# Data listing
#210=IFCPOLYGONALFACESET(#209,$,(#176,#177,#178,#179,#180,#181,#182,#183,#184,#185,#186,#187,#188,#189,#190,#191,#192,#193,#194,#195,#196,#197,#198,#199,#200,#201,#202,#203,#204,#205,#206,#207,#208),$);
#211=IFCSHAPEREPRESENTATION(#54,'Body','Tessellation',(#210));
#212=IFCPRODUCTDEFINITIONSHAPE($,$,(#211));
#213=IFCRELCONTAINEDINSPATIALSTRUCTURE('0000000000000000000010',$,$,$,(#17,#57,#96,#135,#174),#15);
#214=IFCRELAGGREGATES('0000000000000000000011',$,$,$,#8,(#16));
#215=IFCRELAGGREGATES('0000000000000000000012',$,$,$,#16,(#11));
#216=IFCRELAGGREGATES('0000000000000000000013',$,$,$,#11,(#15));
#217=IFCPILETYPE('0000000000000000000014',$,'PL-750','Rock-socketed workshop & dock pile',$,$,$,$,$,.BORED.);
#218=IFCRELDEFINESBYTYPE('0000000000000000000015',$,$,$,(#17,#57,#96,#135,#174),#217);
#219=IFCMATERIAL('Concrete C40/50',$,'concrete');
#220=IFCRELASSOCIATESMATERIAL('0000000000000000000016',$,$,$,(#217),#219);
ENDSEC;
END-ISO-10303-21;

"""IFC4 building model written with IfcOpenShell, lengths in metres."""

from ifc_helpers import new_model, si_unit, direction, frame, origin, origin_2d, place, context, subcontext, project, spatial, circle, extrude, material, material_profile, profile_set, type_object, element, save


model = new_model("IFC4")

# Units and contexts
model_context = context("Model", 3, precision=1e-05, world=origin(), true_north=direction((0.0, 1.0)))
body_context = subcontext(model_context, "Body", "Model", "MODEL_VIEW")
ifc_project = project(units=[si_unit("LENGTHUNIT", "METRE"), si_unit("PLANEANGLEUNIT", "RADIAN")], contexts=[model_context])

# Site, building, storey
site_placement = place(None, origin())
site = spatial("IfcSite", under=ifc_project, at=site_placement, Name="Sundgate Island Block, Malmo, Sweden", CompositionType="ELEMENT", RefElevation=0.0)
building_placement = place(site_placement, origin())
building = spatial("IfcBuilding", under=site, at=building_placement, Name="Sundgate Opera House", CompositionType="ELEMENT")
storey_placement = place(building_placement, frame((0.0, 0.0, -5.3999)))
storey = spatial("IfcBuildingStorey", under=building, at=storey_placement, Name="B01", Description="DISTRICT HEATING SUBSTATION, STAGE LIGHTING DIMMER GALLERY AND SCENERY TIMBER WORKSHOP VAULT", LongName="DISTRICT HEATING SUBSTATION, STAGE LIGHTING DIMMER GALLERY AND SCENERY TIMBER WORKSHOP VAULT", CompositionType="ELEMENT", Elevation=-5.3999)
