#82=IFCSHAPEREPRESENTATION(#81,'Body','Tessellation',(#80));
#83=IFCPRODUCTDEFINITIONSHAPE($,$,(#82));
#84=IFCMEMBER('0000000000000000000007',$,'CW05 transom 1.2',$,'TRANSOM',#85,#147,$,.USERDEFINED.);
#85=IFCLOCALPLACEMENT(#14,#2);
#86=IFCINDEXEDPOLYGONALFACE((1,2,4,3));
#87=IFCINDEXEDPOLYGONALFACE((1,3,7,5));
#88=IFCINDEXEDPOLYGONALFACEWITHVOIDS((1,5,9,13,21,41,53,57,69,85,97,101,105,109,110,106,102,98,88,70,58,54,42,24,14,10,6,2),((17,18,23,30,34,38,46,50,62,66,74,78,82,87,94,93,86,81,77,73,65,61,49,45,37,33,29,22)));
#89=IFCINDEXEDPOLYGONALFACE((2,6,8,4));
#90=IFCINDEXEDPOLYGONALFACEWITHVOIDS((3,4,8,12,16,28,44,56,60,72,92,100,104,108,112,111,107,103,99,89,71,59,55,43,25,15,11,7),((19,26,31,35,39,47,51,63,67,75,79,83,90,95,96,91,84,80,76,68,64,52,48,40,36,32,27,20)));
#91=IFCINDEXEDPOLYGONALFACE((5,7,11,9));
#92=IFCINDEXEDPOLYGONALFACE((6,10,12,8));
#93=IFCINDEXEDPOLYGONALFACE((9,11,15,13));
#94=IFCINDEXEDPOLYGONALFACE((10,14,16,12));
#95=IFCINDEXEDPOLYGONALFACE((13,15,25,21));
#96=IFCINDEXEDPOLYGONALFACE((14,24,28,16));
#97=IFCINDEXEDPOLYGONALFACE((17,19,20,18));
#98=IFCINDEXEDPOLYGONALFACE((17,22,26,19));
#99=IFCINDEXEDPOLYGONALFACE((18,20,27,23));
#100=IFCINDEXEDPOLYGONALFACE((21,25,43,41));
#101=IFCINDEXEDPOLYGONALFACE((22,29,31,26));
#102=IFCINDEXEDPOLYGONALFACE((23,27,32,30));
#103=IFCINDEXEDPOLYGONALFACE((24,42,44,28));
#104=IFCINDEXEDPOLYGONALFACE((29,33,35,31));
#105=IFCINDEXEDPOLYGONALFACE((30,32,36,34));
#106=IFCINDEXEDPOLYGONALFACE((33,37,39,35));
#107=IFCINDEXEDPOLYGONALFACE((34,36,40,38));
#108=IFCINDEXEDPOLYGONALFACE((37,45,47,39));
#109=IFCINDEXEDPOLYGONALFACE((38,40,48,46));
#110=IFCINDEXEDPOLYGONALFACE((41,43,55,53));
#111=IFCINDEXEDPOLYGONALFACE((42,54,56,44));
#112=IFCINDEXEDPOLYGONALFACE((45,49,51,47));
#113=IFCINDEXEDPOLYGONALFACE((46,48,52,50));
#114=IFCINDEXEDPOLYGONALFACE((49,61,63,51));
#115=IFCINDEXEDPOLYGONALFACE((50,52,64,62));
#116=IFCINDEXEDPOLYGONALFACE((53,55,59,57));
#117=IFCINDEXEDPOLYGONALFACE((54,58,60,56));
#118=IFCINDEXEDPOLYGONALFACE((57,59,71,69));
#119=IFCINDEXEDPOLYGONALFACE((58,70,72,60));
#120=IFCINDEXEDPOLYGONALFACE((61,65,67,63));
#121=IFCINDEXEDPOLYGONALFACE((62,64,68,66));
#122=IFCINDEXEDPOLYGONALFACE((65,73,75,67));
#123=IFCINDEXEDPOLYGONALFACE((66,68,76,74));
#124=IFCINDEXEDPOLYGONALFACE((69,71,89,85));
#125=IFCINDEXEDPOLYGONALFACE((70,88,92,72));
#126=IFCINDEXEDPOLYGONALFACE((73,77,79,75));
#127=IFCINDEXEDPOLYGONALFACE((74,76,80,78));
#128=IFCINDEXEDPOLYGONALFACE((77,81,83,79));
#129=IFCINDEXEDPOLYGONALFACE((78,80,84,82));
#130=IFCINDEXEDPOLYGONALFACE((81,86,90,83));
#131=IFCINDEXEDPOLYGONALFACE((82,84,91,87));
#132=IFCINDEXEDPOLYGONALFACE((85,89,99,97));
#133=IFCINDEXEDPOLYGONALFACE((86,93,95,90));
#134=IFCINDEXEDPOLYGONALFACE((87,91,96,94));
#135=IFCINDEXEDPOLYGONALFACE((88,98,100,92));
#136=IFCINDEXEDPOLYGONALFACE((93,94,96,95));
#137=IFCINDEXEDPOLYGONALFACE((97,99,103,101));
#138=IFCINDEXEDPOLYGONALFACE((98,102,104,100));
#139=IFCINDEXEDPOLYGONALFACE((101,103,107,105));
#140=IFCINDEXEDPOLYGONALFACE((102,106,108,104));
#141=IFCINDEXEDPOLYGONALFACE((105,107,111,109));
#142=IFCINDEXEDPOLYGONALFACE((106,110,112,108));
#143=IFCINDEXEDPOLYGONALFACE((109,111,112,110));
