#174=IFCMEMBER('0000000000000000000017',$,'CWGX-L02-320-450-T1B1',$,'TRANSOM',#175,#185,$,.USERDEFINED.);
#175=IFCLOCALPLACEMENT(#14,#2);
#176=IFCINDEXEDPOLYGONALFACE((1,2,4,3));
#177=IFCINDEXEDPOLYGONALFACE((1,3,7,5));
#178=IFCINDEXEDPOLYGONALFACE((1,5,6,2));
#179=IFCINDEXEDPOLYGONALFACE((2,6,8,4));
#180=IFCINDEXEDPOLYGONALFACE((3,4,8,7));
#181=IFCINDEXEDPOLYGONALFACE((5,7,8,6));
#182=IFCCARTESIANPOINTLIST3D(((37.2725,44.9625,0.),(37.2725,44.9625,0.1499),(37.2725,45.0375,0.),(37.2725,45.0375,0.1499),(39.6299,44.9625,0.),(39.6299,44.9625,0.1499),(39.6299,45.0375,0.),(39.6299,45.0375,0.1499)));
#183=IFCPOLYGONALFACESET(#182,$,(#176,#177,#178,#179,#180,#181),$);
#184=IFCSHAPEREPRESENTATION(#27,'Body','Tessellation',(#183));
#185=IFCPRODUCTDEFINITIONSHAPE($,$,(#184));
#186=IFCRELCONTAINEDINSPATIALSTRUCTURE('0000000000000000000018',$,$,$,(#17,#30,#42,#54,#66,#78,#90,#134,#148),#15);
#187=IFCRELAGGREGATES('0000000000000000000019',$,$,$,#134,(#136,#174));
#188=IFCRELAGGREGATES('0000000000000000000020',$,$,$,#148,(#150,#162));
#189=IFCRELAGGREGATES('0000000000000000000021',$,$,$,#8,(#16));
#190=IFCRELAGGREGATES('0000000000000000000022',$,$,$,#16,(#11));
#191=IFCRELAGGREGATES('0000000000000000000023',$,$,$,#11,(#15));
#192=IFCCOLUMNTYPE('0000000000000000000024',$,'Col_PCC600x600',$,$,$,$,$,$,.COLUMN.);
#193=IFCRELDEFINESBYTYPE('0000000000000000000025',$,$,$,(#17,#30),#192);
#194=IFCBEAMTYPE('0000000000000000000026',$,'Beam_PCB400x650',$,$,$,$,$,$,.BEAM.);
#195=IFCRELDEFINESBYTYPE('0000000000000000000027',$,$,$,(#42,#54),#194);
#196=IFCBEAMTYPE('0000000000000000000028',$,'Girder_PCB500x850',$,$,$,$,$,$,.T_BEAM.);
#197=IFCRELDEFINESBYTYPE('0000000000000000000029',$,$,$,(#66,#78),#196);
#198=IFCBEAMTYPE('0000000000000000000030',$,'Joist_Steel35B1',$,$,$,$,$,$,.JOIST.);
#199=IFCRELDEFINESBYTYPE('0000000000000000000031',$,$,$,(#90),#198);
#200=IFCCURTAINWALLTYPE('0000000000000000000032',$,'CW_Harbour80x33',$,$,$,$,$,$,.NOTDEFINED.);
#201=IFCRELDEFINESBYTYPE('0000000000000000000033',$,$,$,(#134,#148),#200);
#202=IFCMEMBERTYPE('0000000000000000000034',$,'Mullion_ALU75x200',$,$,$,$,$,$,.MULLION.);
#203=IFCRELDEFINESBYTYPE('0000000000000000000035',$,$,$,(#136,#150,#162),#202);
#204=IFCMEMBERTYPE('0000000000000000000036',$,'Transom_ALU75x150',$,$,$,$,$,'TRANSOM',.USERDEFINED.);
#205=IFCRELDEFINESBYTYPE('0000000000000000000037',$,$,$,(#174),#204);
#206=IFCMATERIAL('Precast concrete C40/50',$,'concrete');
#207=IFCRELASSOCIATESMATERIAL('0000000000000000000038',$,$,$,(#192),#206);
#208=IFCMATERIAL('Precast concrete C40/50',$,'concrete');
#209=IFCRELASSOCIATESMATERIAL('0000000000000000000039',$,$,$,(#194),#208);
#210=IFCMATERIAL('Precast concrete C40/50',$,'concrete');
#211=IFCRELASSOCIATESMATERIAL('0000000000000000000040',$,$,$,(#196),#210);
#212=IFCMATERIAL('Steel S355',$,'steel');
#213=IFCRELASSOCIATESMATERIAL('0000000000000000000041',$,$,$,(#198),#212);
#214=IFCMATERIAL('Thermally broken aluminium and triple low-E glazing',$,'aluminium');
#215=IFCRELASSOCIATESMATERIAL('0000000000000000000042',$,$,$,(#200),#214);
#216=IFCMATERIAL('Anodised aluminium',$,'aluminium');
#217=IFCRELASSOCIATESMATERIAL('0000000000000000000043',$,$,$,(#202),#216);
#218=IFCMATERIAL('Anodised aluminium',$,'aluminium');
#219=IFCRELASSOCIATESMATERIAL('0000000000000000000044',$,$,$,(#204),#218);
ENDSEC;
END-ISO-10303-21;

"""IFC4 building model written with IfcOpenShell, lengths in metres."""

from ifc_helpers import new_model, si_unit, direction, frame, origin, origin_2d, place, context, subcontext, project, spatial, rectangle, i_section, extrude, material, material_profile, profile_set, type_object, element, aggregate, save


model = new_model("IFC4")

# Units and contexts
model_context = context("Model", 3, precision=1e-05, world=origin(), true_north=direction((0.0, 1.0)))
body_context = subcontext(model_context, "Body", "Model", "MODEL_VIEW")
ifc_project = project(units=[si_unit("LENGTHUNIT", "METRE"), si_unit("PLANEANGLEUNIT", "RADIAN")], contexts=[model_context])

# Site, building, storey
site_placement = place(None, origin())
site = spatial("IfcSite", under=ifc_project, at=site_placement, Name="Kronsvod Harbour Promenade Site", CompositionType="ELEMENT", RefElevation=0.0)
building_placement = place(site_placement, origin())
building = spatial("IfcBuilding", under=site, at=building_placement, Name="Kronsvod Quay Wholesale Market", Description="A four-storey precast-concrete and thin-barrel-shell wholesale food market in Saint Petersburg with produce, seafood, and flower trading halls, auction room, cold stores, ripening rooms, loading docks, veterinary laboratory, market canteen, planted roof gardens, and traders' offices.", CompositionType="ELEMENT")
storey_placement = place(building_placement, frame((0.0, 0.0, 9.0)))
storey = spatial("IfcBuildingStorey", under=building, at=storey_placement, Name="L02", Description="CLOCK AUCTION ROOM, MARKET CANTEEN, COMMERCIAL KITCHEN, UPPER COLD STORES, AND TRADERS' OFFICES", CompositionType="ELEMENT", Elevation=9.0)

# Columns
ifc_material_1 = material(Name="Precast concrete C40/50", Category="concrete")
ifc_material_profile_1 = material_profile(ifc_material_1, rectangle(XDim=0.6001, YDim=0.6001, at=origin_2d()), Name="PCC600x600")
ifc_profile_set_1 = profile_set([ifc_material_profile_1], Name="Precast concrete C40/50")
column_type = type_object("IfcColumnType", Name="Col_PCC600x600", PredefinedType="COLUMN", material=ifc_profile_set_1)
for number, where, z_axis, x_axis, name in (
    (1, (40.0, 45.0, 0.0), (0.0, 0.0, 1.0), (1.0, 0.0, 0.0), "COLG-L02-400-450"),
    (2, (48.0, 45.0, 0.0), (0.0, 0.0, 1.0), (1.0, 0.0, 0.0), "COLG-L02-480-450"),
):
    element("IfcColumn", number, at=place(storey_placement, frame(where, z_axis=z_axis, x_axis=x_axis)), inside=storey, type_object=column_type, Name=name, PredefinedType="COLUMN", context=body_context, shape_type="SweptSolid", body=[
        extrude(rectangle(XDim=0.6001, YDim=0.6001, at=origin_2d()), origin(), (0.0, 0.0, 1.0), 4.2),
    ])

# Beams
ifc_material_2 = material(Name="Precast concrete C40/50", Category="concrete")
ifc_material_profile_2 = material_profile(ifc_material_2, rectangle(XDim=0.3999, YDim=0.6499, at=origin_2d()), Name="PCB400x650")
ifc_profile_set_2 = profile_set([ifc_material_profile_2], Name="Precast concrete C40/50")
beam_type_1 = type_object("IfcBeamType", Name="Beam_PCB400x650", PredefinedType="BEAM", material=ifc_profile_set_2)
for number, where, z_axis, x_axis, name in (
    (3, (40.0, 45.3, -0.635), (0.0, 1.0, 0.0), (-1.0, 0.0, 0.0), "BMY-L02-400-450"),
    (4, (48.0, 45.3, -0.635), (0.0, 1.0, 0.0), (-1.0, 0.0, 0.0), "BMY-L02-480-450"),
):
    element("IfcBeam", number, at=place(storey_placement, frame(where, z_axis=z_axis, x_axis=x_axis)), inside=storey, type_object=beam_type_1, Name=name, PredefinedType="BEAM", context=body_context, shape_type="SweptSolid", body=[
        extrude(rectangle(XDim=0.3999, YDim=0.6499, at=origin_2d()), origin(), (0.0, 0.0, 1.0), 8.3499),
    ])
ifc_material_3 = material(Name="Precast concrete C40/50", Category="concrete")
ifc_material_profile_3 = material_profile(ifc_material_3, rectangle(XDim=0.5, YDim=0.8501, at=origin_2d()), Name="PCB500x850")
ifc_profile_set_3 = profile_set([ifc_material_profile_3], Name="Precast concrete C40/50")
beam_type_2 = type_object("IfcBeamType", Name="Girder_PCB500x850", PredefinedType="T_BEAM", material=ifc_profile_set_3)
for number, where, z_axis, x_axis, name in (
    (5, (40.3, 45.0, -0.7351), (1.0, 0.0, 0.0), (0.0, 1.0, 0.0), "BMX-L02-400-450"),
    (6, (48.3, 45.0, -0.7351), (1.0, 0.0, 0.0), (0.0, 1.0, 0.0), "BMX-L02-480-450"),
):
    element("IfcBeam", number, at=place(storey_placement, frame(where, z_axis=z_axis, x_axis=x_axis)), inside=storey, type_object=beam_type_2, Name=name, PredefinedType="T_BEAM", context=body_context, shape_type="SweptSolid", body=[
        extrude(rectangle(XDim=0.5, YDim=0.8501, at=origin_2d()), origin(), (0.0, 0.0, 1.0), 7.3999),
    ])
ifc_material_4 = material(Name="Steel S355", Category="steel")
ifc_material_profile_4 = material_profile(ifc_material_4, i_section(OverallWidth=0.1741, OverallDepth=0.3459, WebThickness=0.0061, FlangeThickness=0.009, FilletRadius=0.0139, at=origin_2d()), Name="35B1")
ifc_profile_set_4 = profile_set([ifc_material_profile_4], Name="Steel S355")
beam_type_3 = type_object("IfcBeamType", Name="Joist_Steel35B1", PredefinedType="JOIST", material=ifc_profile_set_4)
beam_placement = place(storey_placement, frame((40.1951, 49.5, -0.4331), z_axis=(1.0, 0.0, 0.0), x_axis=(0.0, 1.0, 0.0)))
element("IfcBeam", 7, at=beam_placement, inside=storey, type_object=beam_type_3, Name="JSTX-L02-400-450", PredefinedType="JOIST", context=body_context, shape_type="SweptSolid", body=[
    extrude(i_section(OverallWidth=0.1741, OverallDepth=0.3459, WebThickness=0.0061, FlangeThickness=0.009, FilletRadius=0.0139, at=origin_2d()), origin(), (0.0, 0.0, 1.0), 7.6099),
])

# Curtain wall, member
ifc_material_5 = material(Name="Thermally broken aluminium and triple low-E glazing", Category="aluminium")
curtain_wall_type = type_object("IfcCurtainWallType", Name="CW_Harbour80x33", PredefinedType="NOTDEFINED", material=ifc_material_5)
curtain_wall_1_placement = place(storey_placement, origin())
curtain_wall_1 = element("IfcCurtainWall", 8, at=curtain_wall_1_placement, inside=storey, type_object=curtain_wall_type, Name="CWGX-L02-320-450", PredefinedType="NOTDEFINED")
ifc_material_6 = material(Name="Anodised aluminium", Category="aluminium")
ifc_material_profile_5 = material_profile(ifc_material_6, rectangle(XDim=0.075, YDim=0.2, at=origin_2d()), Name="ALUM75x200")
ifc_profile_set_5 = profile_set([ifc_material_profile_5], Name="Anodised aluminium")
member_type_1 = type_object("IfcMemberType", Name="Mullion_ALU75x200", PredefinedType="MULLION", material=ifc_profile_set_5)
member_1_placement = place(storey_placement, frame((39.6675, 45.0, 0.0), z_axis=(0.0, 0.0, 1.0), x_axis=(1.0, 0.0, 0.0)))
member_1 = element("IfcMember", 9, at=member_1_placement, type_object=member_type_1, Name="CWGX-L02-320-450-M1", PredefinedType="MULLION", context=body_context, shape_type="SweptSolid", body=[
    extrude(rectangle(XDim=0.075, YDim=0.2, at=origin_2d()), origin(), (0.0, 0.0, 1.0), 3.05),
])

# What this task involves
Where the word "triple" shows up in a line of the listing, return that line.

# Output below
#214=IFCMATERIAL('Thermally broken aluminium and triple low-E glazing',$,'aluminium');
ifc_material_5 = material(Name="Thermally broken aluminium and triple low-E glazing", Category="aluminium")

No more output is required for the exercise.